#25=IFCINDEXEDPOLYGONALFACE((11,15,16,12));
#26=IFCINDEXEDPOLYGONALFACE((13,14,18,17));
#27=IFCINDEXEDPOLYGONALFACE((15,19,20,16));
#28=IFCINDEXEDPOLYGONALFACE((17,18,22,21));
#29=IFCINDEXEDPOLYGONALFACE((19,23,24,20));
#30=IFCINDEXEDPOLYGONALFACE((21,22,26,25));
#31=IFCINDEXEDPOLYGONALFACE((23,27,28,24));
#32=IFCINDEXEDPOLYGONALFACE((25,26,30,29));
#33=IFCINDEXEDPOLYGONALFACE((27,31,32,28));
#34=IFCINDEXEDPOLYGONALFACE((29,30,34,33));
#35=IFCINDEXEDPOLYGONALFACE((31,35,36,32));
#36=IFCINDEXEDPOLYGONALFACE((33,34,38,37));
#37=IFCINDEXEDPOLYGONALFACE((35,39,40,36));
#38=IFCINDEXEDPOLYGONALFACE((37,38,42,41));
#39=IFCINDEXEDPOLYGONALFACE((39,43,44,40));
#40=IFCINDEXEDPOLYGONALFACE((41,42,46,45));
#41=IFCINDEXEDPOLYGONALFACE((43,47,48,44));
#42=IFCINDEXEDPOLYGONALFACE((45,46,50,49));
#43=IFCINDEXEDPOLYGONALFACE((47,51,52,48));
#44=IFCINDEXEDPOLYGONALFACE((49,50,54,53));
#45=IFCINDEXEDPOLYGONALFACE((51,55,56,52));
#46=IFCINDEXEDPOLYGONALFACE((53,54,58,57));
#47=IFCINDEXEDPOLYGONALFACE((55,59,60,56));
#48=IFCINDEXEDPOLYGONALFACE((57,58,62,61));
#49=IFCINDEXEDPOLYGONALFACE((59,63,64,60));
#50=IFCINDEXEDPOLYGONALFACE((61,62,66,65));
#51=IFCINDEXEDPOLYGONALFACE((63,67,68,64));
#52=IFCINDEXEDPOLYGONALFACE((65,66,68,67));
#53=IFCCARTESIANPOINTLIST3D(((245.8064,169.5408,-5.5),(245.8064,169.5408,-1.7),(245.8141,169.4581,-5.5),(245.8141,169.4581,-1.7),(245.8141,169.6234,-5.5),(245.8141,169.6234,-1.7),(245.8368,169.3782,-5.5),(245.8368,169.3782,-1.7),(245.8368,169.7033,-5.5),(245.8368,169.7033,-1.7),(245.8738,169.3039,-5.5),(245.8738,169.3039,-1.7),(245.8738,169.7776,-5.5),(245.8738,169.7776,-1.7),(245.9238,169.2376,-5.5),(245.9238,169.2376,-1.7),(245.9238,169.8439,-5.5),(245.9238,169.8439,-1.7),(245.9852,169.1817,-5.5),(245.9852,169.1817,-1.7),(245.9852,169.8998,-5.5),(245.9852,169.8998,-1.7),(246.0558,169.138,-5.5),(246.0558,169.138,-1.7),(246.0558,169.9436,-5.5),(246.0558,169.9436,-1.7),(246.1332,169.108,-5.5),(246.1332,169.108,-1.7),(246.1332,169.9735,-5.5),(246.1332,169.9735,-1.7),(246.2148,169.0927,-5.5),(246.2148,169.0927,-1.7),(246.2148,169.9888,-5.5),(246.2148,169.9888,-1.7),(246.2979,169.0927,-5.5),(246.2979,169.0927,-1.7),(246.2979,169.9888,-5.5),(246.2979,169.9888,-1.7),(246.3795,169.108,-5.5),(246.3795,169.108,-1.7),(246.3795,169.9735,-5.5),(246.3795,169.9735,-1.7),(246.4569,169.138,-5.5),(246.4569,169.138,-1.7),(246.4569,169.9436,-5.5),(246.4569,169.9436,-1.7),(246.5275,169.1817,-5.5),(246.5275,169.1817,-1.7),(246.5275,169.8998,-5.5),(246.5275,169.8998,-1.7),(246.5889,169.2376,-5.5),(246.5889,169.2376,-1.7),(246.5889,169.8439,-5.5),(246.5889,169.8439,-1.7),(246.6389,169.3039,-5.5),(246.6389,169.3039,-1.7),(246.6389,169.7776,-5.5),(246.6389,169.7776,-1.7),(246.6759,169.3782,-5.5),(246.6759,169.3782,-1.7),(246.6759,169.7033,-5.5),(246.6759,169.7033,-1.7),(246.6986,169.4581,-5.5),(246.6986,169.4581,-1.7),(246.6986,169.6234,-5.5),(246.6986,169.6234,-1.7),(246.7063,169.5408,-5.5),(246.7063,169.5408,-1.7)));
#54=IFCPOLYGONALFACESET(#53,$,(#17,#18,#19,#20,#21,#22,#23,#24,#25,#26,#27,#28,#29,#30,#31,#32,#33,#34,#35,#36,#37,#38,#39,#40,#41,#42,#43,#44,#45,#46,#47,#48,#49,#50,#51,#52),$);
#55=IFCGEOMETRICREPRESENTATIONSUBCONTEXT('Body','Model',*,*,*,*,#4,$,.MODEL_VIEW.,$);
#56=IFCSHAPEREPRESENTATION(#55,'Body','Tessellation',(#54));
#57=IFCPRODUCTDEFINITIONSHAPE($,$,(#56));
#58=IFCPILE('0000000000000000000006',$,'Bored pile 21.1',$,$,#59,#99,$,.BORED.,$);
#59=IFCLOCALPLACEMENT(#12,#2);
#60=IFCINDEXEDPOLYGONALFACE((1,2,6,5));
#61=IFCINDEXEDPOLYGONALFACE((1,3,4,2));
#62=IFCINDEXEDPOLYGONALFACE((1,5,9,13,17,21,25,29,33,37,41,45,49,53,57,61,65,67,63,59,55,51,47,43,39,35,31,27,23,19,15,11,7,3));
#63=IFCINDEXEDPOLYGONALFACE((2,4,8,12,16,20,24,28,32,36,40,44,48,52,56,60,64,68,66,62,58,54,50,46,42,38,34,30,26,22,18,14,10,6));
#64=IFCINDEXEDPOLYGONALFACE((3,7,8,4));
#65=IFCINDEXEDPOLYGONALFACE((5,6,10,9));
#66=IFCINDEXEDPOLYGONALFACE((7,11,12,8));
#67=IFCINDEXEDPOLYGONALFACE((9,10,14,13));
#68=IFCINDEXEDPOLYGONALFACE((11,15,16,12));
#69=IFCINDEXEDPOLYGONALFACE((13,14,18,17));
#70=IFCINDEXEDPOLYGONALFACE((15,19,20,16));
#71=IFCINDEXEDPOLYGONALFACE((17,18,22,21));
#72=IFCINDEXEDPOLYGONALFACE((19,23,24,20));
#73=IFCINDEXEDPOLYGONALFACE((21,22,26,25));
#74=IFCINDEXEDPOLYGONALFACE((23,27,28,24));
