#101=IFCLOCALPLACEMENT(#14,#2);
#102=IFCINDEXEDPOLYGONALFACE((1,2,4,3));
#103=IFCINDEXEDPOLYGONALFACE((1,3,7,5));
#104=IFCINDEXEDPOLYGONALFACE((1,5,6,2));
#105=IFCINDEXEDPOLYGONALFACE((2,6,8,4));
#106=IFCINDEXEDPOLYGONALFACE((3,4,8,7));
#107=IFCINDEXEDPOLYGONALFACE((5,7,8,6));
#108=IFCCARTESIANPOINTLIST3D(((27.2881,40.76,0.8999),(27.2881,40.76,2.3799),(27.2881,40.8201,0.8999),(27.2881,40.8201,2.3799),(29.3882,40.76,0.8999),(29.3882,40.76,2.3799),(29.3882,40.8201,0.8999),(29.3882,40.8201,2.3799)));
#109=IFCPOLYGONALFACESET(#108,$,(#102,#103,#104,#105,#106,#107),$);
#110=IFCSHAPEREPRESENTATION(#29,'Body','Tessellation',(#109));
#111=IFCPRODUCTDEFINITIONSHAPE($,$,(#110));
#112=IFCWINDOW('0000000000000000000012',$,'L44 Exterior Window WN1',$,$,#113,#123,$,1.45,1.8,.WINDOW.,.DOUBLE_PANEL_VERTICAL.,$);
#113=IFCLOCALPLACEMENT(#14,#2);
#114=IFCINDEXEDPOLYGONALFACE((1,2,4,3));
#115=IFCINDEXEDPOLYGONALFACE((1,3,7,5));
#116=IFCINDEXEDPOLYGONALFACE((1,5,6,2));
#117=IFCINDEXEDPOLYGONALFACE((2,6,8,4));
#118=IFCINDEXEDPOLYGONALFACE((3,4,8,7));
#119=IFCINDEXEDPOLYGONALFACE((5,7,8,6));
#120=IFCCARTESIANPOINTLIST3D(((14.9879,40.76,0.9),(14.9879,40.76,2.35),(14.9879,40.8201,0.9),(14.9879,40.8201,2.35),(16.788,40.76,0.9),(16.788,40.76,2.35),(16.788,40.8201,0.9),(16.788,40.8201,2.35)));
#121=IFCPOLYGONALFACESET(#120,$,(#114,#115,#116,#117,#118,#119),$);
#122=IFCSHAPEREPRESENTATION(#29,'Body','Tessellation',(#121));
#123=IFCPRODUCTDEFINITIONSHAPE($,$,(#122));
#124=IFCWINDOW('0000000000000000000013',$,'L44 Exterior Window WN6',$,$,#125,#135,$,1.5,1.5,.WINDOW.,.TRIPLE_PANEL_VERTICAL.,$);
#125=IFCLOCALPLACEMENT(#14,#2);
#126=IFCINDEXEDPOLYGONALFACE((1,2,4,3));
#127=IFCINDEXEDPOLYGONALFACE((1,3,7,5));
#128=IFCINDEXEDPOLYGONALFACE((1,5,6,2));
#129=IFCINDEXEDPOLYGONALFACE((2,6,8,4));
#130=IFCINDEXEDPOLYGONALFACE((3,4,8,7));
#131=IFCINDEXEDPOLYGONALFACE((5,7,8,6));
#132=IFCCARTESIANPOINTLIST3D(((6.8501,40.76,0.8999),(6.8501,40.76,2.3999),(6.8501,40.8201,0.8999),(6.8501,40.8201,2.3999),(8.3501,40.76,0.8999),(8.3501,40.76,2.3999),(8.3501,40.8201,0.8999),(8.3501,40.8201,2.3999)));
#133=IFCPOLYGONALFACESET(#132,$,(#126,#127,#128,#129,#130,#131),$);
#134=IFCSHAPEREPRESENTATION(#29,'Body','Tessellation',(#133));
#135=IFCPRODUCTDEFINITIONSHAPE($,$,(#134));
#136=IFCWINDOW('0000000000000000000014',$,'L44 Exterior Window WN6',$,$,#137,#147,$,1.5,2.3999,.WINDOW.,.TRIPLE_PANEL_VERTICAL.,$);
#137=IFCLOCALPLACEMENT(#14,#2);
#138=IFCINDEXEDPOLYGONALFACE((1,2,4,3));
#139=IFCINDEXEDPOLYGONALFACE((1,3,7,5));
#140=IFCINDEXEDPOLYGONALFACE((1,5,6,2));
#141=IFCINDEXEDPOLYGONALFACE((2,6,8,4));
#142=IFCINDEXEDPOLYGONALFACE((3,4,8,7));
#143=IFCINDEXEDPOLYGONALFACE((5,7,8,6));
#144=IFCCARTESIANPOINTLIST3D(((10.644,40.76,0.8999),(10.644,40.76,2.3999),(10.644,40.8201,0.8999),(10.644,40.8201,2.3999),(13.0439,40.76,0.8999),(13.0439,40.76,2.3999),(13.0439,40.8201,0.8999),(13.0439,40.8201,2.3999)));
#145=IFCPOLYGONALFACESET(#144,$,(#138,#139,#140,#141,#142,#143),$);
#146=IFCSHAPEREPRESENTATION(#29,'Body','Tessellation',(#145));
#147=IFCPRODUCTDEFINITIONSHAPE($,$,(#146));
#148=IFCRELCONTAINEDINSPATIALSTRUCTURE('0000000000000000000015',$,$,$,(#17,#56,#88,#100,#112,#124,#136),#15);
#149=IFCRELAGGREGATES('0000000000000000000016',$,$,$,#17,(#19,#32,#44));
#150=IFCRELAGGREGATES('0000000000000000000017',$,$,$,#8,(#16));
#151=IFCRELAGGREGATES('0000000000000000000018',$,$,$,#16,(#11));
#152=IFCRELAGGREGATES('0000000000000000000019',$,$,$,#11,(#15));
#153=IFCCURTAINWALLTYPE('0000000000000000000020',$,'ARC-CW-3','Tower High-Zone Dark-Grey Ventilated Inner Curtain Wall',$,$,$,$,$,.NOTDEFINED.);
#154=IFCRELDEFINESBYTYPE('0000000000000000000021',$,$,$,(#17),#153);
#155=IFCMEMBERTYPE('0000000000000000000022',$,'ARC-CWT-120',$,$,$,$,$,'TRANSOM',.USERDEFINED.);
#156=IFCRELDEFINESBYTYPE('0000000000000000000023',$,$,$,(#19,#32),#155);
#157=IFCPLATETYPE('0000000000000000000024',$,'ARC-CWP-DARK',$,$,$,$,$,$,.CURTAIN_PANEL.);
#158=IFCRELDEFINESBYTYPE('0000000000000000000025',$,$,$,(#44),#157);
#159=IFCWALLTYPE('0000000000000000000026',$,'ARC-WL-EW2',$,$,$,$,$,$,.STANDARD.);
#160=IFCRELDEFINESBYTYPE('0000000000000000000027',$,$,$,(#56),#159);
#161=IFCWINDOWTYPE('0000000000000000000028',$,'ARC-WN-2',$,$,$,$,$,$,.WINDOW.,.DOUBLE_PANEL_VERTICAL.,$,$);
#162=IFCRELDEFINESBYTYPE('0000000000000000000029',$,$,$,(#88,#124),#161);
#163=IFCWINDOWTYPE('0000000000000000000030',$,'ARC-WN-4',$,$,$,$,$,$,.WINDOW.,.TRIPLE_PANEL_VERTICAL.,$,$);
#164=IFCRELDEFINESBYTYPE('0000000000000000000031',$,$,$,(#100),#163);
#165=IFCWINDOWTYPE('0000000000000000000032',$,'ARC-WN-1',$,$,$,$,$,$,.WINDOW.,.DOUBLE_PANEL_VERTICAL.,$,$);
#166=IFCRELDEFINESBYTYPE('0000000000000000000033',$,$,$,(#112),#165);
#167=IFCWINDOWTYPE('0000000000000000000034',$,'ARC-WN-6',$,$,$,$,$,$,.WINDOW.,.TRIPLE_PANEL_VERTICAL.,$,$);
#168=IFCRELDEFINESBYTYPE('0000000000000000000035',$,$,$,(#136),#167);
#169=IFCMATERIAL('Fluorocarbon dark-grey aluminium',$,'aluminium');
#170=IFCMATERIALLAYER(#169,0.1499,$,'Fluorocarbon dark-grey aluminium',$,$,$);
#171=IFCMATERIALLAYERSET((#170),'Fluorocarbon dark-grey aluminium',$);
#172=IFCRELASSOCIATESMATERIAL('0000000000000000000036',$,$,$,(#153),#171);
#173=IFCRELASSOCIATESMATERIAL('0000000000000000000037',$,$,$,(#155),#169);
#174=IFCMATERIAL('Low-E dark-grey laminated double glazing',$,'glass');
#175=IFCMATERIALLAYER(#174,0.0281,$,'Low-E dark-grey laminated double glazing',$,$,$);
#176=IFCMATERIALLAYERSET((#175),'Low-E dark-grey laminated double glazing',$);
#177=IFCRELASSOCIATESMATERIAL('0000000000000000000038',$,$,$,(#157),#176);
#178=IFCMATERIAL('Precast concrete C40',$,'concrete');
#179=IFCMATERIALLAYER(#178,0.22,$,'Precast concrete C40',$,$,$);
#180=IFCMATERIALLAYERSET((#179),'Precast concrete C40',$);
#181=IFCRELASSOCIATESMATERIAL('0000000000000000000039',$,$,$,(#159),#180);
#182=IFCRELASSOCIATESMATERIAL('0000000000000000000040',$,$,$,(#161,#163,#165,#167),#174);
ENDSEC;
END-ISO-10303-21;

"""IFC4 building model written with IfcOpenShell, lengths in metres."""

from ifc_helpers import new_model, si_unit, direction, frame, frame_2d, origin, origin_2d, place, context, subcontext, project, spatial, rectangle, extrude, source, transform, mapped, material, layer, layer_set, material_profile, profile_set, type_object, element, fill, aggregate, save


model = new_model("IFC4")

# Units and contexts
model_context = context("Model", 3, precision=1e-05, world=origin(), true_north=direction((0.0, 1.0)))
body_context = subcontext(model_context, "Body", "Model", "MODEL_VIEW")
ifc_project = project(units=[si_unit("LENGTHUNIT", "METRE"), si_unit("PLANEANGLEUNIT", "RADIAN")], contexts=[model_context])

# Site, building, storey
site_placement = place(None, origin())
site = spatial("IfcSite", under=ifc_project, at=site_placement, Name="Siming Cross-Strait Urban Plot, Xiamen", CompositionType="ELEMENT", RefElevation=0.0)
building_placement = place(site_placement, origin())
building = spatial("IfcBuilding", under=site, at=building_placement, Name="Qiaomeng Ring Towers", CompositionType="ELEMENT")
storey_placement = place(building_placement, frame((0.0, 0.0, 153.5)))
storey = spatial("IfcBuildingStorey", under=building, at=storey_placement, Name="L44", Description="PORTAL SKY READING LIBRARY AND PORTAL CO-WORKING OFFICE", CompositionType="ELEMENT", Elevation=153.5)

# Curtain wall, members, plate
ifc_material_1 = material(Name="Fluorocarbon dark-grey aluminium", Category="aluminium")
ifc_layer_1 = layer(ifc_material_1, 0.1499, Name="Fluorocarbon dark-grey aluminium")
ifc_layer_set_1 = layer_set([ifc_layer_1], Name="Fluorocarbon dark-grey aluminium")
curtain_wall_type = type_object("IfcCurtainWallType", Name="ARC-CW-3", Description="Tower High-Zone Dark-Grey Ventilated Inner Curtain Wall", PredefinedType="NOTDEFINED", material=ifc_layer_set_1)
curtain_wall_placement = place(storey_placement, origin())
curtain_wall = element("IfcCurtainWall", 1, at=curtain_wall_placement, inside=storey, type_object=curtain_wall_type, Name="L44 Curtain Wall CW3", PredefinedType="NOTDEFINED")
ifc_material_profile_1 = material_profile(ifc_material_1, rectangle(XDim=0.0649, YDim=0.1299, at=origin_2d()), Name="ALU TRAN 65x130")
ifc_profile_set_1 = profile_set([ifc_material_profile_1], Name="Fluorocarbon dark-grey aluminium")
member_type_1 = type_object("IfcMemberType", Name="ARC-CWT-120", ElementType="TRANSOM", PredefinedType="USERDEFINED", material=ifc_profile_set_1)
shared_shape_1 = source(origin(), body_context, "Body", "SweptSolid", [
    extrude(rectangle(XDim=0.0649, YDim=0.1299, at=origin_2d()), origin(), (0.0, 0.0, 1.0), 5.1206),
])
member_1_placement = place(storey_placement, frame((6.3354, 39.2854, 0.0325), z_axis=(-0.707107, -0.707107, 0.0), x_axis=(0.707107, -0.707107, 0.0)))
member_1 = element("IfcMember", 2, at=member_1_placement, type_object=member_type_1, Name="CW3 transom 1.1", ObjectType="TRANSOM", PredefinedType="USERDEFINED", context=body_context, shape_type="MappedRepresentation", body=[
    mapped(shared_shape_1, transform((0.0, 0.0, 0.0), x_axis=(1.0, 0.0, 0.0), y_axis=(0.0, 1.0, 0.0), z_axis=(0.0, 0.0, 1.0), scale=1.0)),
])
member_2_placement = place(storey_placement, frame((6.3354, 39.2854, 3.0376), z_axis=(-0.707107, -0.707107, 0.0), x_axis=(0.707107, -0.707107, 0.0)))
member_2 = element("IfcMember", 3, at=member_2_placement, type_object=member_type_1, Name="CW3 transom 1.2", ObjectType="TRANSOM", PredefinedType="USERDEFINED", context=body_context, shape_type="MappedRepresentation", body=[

* What you need to do *
In the data above, which lines lie between the line with "#141=IFCINDEXEDPOLYGONALFACE((2,6,8,4));" and the line with "Inner Curtain Wall',$,$,$,$,$,.NOTDEFINED.);", inclusive? Print those lines exactly and nothing else.

* Solution for this task *
#141=IFCINDEXEDPOLYGONALFACE((2,6,8,4));
#142=IFCINDEXEDPOLYGONALFACE((3,4,8,7));
#143=IFCINDEXEDPOLYGONALFACE((5,7,8,6));
#144=IFCCARTESIANPOINTLIST3D(((10.644,40.76,0.8999),(10.644,40.76,2.3999),(10.644,40.8201,0.8999),(10.644,40.8201,2.3999),(13.0439,40.76,0.8999),(13.0439,40.76,2.3999),(13.0439,40.8201,0.8999),(13.0439,40.8201,2.3999)));
#145=IFCPOLYGONALFACESET(#144,$,(#138,#139,#140,#141,#142,#143),$);
#146=IFCSHAPEREPRESENTATION(#29,'Body','Tessellation',(#145));
#147=IFCPRODUCTDEFINITIONSHAPE($,$,(#146));
#148=IFCRELCONTAINEDINSPATIALSTRUCTURE('0000000000000000000015',$,$,$,(#17,#56,#88,#100,#112,#124,#136),#15);
#149=IFCRELAGGREGATES('0000000000000000000016',$,$,$,#17,(#19,#32,#44));
#150=IFCRELAGGREGATES('0000000000000000000017',$,$,$,#8,(#16));
#151=IFCRELAGGREGATES('0000000000000000000018',$,$,$,#16,(#11));
#152=IFCRELAGGREGATES('0000000000000000000019',$,$,$,#11,(#15));
#153=IFCCURTAINWALLTYPE('0000000000000000000020',$,'ARC-CW-3','Tower High-Zone Dark-Grey Ventilated Inner Curtain Wall',$,$,$,$,$,.NOTDEFINED.);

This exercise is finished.